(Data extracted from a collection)
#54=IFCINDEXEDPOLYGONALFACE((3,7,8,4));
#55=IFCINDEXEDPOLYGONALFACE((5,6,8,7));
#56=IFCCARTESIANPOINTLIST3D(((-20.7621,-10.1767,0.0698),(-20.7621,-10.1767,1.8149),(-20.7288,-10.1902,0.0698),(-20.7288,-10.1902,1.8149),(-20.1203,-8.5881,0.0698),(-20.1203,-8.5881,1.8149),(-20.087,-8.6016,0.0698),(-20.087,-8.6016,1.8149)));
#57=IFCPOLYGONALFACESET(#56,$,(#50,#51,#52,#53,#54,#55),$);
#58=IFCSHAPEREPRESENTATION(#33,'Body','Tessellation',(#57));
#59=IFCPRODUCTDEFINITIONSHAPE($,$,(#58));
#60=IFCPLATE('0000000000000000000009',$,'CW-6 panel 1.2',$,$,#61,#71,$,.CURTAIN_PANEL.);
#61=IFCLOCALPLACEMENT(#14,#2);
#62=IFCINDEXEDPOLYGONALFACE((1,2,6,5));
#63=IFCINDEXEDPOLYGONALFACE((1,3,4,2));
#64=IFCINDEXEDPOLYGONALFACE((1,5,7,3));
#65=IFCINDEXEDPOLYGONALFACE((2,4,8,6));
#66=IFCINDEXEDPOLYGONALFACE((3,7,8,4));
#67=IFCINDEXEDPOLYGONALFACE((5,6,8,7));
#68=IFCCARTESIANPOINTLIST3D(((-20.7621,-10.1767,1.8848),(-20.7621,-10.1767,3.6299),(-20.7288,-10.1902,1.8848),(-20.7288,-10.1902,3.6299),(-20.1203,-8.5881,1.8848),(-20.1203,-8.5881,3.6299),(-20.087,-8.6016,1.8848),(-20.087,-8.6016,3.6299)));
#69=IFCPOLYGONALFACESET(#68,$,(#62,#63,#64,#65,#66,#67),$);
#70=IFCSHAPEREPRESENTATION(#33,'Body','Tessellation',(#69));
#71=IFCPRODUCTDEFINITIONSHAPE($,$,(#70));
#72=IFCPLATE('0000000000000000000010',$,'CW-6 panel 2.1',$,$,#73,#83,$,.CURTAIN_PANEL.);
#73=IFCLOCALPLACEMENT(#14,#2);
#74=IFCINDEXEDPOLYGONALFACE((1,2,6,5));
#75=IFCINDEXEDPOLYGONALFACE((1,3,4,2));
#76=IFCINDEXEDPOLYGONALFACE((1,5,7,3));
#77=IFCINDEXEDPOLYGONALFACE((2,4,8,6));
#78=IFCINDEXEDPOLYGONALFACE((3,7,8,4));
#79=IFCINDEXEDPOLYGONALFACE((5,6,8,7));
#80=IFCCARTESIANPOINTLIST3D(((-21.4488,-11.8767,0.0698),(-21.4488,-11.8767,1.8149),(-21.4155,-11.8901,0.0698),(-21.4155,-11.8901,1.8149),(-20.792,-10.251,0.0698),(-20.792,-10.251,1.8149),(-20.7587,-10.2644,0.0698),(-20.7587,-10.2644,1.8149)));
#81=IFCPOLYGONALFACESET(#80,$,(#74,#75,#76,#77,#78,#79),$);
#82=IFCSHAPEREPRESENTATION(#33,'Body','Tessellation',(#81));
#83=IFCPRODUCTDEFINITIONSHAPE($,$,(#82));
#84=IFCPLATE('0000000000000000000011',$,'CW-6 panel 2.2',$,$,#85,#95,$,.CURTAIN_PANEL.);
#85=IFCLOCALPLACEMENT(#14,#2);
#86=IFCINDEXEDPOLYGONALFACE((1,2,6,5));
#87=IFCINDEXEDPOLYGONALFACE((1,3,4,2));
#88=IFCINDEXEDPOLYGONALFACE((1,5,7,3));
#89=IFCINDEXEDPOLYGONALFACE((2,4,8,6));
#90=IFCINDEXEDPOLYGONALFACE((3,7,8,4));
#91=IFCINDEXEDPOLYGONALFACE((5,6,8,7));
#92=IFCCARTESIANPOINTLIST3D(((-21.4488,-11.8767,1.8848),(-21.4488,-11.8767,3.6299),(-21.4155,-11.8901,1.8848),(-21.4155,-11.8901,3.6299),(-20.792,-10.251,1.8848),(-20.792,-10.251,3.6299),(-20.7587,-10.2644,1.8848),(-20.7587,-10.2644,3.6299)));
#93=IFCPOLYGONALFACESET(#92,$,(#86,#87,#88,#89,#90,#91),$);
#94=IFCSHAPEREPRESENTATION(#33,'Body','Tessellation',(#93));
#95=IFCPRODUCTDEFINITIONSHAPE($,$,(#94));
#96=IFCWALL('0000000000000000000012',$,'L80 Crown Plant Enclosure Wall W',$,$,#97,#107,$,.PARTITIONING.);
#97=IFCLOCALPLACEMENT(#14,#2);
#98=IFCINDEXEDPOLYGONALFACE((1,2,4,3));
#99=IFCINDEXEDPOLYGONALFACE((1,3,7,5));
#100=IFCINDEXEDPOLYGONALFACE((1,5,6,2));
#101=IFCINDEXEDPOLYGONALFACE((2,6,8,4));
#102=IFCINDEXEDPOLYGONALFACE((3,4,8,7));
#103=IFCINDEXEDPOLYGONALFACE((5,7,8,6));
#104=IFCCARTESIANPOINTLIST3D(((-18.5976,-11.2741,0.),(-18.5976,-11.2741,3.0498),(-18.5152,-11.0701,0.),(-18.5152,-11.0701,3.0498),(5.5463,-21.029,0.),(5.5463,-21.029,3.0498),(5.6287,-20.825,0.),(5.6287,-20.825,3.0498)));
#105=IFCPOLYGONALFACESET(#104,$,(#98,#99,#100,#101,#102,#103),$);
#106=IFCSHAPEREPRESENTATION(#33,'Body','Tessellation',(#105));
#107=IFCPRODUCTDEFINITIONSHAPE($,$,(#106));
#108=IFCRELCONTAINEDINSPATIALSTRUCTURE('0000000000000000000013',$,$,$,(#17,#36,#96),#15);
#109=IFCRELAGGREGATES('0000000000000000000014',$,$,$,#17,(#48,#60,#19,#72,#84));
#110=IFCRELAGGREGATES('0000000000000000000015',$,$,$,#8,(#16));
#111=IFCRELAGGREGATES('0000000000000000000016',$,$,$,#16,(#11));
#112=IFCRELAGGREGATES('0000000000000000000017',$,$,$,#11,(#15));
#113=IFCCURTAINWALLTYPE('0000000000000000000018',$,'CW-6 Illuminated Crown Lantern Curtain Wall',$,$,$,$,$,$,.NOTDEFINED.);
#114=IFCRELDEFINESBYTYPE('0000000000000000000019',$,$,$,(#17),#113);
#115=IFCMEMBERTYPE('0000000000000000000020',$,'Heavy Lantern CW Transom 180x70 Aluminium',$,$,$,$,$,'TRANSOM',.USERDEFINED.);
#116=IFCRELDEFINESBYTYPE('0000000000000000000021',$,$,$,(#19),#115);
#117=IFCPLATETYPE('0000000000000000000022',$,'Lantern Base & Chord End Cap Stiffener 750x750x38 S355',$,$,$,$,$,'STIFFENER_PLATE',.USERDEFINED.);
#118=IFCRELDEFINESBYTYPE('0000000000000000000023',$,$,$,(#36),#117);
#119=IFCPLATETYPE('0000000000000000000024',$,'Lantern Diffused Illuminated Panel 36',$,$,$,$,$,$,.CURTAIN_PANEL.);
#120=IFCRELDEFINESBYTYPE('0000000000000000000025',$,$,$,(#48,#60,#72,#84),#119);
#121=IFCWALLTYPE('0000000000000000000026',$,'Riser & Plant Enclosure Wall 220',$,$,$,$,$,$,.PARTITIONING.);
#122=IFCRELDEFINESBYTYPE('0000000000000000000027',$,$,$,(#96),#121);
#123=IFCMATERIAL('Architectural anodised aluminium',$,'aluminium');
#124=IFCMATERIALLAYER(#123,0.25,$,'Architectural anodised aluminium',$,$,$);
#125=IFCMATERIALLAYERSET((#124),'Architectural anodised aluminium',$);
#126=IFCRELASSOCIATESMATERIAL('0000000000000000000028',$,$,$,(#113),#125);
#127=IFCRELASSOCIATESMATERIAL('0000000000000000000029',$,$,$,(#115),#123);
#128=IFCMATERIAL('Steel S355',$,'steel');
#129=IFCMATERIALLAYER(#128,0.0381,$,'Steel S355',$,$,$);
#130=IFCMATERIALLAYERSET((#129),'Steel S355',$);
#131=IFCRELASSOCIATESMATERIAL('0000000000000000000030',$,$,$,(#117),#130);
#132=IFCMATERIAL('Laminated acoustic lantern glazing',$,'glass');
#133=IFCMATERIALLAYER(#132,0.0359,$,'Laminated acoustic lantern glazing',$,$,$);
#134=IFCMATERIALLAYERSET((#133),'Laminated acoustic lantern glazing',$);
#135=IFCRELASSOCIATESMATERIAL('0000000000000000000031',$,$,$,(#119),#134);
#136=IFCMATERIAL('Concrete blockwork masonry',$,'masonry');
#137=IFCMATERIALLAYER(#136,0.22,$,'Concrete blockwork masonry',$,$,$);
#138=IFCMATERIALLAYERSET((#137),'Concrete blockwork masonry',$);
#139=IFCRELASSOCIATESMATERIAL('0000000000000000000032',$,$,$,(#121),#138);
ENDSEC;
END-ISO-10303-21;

What you have to do:
From the data above, reproduce word for word the lines running from the line with "#87=IFCINDEXEDPOLYGONALFACE((1,3,4,2));" to the line with "#103=IFCINDEXEDPOLYGONALFACE((5,7,8,6));", ends included.

Output for this task:
#87=IFCINDEXEDPOLYGONALFACE((1,3,4,2));
#88=IFCINDEXEDPOLYGONALFACE((1,5,7,3));
#89=IFCINDEXEDPOLYGONALFACE((2,4,8,6));
#90=IFCINDEXEDPOLYGONALFACE((3,7,8,4));
#91=IFCINDEXEDPOLYGONALFACE((5,6,8,7));
#92=IFCCARTESIANPOINTLIST3D(((-21.4488,-11.8767,1.8848),(-21.4488,-11.8767,3.6299),(-21.4155,-11.8901,1.8848),(-21.4155,-11.8901,3.6299),(-20.792,-10.251,1.8848),(-20.792,-10.251,3.6299),(-20.7587,-10.2644,1.8848),(-20.7587,-10.2644,3.6299)));
#93=IFCPOLYGONALFACESET(#92,$,(#86,#87,#88,#89,#90,#91),$);
#94=IFCSHAPEREPRESENTATION(#33,'Body','Tessellation',(#93));
#95=IFCPRODUCTDEFINITIONSHAPE($,$,(#94));
#96=IFCWALL('0000000000000000000012',$,'L80 Crown Plant Enclosure Wall W',$,$,#97,#107,$,.PARTITIONING.);
#97=IFCLOCALPLACEMENT(#14,#2);
#98=IFCINDEXEDPOLYGONALFACE((1,2,4,3));
#99=IFCINDEXEDPOLYGONALFACE((1,3,7,5));
#100=IFCINDEXEDPOLYGONALFACE((1,5,6,2));
#101=IFCINDEXEDPOLYGONALFACE((2,6,8,4));
#102=IFCINDEXEDPOLYGONALFACE((3,4,8,7));
#103=IFCINDEXEDPOLYGONALFACE((5,7,8,6));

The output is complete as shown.